=== What you should do ===
Copy each line below holding "CompositionType".

---------- Input data ----------

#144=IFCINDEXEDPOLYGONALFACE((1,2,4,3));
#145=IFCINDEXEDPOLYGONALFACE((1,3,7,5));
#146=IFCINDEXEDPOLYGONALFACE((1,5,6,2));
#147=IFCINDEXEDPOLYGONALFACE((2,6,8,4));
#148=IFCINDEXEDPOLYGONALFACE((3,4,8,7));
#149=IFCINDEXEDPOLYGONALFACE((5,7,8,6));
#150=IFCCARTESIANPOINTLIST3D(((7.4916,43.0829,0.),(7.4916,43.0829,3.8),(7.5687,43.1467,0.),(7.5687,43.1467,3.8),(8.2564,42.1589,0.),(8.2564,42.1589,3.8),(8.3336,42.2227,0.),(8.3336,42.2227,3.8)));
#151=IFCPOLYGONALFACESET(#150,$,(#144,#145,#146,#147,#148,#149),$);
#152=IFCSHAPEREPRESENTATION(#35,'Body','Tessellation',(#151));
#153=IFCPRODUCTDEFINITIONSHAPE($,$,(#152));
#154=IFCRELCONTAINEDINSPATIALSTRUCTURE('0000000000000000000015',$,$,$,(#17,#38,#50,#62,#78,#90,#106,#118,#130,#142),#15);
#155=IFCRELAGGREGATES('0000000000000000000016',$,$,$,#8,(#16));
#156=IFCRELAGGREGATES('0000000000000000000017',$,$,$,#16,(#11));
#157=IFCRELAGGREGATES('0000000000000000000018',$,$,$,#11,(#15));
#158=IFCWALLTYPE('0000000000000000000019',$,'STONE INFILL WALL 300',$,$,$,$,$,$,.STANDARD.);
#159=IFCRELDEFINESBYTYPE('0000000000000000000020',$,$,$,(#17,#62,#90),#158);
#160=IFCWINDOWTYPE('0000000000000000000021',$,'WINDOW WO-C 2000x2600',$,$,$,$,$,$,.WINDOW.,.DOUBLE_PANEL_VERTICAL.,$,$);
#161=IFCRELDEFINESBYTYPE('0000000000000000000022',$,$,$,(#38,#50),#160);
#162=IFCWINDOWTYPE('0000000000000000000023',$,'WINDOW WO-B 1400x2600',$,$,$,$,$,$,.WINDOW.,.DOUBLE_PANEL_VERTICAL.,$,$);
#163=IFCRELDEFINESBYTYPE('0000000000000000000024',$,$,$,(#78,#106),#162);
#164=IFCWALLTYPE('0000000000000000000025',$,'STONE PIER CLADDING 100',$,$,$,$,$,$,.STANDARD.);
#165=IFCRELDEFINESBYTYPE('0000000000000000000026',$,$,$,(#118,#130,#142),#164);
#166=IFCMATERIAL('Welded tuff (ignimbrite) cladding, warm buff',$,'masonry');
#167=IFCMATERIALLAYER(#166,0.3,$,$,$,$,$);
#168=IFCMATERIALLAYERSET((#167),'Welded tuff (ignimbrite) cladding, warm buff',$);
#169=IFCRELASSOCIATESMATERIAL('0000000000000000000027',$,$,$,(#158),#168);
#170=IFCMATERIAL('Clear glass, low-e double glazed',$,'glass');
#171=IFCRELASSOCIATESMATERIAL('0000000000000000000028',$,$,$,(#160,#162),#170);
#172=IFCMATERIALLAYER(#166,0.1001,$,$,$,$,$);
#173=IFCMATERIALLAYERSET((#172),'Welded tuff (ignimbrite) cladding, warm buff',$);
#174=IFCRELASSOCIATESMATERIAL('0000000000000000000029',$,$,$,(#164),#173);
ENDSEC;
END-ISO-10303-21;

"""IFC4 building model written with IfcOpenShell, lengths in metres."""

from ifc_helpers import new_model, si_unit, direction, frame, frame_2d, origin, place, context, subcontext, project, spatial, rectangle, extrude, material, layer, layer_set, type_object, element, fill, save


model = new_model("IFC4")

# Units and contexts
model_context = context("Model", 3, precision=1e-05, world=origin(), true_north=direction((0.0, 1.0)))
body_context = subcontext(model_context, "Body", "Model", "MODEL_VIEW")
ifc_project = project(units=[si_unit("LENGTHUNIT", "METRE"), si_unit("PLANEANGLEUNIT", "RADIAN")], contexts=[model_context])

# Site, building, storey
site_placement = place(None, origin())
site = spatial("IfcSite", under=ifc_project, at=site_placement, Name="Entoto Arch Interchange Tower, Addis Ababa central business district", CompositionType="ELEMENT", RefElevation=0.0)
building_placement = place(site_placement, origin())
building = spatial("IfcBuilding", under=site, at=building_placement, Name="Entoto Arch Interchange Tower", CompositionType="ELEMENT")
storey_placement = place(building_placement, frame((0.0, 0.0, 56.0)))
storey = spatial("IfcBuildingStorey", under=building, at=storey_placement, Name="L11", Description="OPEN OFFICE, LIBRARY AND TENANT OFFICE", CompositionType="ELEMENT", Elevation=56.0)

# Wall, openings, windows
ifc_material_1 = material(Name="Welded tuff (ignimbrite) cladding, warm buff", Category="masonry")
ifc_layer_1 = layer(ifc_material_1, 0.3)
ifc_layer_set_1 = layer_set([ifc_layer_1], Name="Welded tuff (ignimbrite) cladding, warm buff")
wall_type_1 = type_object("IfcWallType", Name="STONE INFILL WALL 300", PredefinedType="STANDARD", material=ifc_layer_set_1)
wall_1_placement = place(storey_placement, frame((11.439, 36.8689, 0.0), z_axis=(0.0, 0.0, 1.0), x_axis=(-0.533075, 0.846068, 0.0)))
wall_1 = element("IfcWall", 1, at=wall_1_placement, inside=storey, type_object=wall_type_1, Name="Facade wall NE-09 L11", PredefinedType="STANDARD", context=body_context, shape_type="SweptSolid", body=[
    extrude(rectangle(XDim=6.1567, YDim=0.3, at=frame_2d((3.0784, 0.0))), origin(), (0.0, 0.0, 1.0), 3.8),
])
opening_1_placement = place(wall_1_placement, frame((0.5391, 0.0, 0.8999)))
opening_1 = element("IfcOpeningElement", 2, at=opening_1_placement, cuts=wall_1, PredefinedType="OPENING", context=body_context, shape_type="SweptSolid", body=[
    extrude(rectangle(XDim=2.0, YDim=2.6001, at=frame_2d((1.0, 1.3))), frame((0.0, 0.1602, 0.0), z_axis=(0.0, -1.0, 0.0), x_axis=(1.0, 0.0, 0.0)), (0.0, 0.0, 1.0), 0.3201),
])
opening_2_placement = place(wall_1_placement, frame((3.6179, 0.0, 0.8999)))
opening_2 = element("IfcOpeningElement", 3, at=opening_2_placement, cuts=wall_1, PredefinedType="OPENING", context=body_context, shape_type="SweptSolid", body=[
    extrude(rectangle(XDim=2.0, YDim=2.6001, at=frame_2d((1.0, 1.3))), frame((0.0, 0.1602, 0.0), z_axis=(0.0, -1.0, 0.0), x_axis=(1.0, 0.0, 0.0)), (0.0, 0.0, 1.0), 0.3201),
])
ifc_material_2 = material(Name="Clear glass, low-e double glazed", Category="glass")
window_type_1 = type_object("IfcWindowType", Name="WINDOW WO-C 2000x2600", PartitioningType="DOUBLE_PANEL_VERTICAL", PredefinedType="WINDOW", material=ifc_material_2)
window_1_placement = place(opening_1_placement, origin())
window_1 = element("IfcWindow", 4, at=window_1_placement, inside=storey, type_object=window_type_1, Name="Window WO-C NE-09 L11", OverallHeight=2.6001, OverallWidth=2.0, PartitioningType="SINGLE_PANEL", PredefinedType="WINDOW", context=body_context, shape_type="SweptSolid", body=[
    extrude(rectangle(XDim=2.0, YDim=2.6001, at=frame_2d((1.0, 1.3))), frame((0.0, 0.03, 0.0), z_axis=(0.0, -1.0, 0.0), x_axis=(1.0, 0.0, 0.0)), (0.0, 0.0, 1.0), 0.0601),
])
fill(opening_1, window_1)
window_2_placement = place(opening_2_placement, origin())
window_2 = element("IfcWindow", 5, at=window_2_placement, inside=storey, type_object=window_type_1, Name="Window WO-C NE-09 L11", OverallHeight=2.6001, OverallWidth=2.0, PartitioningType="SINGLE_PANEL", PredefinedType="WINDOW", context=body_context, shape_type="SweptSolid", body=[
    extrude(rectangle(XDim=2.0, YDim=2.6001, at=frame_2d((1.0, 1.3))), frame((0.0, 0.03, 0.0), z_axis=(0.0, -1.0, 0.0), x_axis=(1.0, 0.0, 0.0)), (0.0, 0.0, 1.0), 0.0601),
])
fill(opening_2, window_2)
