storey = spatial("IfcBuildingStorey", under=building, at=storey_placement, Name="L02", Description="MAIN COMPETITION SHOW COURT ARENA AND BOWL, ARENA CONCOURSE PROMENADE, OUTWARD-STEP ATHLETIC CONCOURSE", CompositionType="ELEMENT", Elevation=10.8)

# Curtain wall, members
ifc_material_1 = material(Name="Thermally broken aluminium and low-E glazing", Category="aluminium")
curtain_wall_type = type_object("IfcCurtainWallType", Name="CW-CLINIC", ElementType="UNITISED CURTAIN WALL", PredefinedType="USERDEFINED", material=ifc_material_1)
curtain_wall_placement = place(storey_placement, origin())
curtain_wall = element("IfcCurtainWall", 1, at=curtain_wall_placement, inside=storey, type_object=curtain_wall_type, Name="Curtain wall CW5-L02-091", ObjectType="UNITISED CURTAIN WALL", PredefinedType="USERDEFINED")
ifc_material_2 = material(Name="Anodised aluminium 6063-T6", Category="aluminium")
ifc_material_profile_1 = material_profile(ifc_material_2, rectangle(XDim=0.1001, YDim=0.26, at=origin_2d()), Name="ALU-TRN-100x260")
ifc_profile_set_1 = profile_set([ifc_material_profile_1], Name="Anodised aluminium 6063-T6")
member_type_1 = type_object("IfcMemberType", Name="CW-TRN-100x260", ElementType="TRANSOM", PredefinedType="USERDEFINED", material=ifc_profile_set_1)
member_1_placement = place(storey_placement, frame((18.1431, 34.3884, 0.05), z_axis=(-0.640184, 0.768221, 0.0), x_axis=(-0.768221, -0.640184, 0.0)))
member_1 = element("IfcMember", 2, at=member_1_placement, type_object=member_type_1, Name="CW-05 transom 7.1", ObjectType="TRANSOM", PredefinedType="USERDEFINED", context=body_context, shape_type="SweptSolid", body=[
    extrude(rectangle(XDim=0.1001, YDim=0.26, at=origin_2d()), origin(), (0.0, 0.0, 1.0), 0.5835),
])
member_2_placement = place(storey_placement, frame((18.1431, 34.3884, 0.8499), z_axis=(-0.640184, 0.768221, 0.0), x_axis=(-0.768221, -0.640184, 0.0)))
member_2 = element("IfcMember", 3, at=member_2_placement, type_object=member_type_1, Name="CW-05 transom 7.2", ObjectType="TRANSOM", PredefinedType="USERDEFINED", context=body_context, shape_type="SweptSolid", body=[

----------

=== Solution to this problem ===
site = spatial("IfcSite", under=ifc_project, at=site_placement, Name="Entoto Arch Interchange Tower, Addis Ababa central business district", CompositionType="ELEMENT", RefElevation=0.0)
building = spatial("IfcBuilding", under=site, at=building_placement, Name="Entoto Arch Interchange Tower", CompositionType="ELEMENT")
storey = spatial("IfcBuildingStorey", under=building, at=storey_placement, Name="L11", Description="OPEN OFFICE, LIBRARY AND TENANT OFFICE", CompositionType="ELEMENT", Elevation=56.0)
storey = spatial("IfcBuildingStorey", under=building, at=storey_placement, Name="L02", Description="MAIN COMPETITION SHOW COURT ARENA AND BOWL, ARENA CONCOURSE PROMENADE, OUTWARD-STEP ATHLETIC CONCOURSE", CompositionType="ELEMENT", Elevation=10.8)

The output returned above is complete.